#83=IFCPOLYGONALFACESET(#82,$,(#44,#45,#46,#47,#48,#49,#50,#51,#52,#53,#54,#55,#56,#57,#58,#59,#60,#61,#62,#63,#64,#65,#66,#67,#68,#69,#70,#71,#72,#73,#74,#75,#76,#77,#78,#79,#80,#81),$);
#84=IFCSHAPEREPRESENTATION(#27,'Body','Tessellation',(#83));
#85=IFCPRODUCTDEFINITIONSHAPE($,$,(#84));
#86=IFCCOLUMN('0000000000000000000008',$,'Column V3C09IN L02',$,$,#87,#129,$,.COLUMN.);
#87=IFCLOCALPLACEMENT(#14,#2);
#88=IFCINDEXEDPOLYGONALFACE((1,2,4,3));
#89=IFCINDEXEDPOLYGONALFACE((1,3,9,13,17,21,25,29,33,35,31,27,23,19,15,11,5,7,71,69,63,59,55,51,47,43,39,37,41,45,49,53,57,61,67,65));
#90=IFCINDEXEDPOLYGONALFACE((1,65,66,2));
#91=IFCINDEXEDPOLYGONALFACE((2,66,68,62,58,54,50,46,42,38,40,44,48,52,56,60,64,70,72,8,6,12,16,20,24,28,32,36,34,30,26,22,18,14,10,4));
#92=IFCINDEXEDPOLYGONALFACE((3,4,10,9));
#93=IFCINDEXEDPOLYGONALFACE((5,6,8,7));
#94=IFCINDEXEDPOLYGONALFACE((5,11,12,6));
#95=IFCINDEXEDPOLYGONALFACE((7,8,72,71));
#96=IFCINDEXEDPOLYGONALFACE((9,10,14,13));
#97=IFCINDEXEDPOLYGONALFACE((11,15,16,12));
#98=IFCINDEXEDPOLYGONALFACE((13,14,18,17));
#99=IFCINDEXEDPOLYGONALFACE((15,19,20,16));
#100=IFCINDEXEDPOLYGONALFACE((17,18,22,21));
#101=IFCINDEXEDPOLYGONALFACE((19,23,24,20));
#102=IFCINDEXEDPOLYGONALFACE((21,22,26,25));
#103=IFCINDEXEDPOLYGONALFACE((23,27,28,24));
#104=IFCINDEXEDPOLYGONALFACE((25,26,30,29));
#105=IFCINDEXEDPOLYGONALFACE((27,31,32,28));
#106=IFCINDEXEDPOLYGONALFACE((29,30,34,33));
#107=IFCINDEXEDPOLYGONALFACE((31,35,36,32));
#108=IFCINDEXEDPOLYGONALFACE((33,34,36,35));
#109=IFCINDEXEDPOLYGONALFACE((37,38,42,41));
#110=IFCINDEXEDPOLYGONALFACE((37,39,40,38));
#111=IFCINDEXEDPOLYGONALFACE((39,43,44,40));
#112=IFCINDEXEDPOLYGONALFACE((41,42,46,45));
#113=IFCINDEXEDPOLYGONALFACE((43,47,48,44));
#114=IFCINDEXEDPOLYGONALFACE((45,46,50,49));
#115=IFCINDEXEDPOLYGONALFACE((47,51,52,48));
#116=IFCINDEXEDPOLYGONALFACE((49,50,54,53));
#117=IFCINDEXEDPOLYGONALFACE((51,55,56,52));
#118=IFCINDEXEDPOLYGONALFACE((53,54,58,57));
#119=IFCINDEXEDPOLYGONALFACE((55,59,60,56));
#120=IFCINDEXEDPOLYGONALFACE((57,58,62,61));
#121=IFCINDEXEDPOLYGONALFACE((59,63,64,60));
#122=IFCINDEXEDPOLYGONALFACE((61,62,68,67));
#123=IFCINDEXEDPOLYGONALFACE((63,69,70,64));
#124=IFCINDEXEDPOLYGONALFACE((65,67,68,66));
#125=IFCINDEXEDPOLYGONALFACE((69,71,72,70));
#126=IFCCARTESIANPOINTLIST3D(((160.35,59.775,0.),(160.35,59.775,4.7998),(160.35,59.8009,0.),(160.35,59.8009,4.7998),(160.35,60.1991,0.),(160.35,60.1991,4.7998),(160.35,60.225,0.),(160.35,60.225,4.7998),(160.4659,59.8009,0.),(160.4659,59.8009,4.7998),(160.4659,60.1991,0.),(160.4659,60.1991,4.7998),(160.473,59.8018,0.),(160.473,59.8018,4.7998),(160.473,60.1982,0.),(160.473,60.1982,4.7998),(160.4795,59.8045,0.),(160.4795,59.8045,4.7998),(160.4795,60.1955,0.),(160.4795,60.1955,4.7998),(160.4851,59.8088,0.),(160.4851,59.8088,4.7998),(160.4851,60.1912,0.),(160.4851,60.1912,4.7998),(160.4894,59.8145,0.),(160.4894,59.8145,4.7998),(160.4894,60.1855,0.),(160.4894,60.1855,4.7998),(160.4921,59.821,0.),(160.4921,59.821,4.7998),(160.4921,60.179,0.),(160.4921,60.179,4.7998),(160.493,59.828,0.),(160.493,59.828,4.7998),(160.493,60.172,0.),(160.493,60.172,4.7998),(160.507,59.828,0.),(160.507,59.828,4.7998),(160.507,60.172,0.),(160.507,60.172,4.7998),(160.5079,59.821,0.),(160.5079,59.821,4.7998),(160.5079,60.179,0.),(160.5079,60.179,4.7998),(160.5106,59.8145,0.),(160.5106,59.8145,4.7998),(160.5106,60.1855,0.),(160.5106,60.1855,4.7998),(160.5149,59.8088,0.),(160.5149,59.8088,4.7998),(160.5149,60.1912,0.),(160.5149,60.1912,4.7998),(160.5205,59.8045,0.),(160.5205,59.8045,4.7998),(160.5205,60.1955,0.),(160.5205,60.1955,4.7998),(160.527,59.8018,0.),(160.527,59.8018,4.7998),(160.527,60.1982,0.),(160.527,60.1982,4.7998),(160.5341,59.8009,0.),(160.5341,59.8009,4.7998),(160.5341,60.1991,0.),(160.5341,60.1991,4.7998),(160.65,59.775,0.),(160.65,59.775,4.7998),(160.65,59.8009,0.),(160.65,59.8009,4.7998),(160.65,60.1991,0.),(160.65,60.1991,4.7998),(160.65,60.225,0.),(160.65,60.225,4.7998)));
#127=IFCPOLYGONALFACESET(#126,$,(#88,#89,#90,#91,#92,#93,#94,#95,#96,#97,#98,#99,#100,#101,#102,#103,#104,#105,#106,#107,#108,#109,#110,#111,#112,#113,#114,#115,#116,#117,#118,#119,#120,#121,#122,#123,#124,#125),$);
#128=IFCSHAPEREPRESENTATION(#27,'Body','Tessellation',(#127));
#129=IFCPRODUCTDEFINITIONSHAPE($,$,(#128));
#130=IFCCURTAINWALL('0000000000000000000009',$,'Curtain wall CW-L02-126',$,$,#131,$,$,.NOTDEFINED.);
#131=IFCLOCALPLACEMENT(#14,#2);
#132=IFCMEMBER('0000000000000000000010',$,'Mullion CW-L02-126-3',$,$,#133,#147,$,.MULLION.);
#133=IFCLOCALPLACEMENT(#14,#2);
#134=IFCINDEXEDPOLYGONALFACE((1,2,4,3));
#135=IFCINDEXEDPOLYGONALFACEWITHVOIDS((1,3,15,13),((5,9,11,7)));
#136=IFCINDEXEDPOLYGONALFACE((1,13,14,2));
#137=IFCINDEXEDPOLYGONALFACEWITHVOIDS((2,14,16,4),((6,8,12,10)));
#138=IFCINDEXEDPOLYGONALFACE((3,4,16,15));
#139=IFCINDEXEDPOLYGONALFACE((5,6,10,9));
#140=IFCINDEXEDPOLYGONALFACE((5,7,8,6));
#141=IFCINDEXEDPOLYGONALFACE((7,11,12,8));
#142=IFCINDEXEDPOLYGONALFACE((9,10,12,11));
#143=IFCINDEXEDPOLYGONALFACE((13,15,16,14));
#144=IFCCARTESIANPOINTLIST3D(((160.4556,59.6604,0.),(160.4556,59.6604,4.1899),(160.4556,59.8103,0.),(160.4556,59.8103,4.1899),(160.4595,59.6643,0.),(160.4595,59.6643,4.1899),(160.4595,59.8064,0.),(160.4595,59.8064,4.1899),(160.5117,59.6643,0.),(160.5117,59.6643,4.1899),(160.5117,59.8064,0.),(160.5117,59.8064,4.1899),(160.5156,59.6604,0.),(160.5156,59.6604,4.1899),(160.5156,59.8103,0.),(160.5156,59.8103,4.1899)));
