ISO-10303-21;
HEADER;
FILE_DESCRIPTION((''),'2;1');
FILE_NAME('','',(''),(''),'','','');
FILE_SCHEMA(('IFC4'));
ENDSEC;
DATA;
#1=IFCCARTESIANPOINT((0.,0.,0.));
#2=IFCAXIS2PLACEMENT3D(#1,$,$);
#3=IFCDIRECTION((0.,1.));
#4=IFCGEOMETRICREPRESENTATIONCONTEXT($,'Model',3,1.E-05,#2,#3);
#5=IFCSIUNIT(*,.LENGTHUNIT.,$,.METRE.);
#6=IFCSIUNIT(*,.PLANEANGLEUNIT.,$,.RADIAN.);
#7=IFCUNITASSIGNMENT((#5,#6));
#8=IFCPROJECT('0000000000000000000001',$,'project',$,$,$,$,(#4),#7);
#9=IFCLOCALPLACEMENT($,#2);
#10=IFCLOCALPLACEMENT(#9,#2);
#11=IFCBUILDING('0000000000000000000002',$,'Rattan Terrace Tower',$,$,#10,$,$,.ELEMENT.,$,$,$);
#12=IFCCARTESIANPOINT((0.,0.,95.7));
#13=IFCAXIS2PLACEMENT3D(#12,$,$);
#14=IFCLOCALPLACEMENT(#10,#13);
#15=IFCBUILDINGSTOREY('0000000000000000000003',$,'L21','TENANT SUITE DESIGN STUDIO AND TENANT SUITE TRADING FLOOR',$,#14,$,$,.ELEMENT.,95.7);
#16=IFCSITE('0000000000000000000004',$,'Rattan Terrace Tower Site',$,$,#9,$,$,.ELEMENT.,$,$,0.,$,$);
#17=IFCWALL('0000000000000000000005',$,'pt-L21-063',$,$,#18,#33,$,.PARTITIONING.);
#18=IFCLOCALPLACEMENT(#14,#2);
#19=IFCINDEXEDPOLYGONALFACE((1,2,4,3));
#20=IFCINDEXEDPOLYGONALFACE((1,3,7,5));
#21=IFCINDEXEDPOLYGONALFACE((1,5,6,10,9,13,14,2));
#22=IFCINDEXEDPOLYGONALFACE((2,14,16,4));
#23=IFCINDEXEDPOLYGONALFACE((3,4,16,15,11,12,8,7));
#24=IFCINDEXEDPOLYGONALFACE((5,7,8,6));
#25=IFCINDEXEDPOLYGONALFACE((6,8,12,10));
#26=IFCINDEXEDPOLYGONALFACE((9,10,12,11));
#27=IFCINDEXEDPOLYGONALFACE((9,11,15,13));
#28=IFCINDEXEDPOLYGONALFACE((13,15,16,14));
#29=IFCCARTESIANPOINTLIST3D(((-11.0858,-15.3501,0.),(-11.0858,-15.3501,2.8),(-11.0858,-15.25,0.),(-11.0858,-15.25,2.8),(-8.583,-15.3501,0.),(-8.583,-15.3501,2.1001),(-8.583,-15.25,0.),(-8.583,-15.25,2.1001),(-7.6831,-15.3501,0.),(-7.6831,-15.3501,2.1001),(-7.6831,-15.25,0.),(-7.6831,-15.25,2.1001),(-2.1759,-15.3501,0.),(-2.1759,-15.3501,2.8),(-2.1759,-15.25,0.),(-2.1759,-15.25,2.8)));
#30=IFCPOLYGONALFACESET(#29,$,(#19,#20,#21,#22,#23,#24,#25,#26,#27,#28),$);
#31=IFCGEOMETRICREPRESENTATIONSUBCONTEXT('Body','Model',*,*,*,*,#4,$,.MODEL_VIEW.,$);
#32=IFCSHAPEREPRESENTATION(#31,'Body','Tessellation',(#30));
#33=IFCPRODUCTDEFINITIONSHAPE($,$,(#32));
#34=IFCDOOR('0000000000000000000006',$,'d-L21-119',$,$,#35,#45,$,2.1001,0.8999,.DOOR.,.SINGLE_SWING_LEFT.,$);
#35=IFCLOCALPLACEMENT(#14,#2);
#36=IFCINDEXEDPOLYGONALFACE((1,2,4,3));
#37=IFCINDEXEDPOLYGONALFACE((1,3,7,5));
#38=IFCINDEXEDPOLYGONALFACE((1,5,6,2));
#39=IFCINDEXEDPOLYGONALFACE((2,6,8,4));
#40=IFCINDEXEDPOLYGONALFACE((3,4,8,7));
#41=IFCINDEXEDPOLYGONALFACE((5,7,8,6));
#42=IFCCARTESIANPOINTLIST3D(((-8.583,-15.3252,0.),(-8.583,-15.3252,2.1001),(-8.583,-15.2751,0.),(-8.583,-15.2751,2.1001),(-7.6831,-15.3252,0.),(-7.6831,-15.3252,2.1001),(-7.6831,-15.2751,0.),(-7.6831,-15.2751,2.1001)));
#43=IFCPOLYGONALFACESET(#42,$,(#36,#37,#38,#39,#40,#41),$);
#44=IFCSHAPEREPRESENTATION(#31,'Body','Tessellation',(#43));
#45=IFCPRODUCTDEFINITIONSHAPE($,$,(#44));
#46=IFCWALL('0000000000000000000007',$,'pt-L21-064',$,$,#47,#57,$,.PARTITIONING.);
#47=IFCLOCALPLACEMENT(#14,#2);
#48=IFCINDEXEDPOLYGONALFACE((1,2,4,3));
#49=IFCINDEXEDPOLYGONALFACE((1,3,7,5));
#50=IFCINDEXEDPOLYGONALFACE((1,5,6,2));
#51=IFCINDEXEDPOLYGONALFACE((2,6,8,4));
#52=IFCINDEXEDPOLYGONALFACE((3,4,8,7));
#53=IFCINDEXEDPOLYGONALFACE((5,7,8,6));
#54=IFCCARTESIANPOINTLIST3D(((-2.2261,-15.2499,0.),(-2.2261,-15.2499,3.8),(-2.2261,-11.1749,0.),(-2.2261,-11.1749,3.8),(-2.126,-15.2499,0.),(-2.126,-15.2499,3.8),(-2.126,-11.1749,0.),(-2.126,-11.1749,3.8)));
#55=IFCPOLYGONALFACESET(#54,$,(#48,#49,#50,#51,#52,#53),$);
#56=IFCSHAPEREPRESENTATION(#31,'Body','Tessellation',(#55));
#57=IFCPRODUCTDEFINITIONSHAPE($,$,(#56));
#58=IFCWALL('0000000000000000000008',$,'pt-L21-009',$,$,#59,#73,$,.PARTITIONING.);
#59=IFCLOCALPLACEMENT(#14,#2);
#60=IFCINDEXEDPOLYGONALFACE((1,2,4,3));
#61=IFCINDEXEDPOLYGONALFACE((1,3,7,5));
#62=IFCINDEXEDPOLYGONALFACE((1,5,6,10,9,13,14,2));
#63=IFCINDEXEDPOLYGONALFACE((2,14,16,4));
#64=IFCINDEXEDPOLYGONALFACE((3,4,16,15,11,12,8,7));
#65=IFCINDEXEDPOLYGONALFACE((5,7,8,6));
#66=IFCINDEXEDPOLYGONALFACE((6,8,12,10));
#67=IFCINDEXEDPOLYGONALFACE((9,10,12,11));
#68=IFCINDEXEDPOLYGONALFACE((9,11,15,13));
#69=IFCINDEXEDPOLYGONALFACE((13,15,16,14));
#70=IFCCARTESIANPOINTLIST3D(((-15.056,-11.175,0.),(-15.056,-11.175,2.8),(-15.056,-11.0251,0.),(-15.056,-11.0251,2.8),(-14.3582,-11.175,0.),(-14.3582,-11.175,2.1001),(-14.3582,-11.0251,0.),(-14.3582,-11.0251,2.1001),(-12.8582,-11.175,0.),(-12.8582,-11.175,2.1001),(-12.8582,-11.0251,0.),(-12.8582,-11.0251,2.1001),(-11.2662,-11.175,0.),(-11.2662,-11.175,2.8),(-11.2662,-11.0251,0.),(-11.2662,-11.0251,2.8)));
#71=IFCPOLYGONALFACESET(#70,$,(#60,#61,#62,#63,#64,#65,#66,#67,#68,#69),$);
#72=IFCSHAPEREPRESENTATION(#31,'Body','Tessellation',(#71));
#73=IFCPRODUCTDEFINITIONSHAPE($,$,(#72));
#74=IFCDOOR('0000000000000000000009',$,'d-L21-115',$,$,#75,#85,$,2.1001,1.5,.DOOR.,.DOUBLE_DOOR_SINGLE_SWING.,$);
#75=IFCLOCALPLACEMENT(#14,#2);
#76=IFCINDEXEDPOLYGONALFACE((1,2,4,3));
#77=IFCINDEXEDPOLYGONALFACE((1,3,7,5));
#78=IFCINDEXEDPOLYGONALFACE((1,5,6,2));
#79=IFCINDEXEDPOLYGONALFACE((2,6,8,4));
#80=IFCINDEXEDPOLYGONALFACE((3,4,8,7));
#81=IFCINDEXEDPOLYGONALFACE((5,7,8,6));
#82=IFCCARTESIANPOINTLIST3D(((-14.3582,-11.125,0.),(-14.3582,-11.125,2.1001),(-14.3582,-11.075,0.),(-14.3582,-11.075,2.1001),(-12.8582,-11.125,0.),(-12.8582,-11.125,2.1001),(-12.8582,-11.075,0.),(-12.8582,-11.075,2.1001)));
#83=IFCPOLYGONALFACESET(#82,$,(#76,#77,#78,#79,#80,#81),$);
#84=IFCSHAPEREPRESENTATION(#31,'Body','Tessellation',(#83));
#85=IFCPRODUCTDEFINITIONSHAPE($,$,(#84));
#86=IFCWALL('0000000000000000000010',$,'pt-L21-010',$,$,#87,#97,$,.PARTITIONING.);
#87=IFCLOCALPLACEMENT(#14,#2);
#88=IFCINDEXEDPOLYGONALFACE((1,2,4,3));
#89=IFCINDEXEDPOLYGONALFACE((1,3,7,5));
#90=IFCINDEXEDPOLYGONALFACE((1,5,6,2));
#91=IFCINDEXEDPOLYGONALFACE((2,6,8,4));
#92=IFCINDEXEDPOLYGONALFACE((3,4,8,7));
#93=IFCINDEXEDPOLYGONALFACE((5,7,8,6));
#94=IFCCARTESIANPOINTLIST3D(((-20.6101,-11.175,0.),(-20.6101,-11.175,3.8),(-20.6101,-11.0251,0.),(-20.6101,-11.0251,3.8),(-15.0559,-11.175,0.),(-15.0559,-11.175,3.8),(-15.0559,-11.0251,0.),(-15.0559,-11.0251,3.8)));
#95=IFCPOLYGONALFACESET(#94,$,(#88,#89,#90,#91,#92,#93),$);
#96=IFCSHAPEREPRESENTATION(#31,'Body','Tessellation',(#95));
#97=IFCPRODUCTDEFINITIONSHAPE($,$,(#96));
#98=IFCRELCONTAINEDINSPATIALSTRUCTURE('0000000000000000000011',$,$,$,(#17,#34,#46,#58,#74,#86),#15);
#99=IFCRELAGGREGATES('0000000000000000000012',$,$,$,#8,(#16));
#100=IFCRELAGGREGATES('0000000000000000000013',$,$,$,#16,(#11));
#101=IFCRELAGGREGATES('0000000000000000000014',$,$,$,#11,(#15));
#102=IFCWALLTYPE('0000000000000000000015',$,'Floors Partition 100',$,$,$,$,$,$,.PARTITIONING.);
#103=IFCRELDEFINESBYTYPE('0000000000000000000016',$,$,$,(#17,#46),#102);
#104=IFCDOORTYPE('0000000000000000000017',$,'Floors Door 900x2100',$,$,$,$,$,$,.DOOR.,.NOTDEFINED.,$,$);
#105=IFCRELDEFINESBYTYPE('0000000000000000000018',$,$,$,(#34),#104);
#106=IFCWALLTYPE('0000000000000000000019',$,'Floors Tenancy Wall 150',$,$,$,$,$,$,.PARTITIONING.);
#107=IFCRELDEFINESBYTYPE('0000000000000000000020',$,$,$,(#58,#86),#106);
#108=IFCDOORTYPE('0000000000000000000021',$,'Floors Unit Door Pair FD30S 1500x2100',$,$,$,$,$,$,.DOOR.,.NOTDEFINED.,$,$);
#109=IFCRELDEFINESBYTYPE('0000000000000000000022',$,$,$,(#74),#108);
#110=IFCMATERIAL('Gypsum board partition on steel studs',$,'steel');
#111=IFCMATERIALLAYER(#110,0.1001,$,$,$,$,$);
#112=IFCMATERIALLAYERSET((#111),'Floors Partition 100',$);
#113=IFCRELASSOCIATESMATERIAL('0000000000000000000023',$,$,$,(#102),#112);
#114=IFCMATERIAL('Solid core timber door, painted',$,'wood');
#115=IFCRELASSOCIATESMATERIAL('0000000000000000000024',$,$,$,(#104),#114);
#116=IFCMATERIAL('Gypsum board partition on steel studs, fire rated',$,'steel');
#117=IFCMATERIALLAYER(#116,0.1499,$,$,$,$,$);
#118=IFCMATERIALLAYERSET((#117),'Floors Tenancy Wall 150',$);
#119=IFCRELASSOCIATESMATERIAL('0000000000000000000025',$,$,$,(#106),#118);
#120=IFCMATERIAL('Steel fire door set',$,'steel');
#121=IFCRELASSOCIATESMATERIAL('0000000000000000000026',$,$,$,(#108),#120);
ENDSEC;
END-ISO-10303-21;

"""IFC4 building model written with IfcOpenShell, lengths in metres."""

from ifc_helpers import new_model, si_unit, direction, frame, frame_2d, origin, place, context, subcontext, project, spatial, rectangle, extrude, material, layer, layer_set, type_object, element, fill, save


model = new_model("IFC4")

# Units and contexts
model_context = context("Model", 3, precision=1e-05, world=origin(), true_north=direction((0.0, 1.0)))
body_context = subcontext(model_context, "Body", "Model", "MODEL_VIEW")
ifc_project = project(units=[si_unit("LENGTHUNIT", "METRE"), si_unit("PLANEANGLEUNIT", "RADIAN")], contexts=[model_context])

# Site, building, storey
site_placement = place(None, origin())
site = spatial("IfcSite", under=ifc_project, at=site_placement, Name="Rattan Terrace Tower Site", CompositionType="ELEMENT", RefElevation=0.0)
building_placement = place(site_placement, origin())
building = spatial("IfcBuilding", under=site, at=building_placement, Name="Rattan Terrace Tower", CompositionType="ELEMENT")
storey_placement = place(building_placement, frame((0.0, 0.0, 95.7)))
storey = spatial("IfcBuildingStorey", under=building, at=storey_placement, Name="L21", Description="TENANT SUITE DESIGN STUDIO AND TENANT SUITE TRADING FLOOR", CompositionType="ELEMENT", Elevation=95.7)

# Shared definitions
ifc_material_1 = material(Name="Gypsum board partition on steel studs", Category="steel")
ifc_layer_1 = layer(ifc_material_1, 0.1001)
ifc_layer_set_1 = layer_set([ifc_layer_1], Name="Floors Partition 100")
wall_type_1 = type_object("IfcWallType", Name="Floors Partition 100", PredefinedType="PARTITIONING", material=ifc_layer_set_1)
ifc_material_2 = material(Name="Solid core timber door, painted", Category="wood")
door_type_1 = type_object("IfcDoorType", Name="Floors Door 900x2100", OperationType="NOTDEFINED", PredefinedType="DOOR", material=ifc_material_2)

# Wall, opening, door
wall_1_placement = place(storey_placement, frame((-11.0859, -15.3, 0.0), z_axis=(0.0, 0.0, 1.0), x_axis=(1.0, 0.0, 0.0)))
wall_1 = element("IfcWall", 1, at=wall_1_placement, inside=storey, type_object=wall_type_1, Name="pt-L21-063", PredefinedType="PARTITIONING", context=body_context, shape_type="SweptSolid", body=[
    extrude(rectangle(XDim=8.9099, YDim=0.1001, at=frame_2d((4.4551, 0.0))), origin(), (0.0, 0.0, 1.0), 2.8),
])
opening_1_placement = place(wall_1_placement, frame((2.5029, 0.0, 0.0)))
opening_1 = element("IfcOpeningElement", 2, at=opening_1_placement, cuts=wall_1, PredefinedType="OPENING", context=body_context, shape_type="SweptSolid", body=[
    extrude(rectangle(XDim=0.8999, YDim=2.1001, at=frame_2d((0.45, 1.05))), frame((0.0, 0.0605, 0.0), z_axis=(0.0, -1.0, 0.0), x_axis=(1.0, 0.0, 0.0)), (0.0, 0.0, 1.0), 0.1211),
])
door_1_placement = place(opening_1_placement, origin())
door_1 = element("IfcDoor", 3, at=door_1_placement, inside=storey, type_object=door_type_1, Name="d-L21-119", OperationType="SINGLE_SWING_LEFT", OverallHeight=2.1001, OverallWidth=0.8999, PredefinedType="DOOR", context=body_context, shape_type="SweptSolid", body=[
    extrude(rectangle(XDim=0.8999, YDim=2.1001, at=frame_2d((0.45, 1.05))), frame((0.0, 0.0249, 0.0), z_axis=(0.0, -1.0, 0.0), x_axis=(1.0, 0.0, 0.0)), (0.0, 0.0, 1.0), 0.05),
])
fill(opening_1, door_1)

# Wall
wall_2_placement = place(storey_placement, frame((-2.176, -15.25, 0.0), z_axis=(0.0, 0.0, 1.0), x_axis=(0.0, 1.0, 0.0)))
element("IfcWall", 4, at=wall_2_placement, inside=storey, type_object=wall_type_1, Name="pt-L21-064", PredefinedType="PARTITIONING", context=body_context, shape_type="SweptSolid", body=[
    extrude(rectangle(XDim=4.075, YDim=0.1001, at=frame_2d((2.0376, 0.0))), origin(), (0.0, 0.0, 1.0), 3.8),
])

◇ ◇ ◇ ◇ ◇

HOW TO COMPLETE THIS TASK - Scan the material above for the string "IFCMATERIALLAYERSET", and copy every line where it is found.

WRITTEN RESPONSE -
#112=IFCMATERIALLAYERSET((#111),'Floors Partition 100',$);
#118=IFCMATERIALLAYERSET((#117),'Floors Tenancy Wall 150',$);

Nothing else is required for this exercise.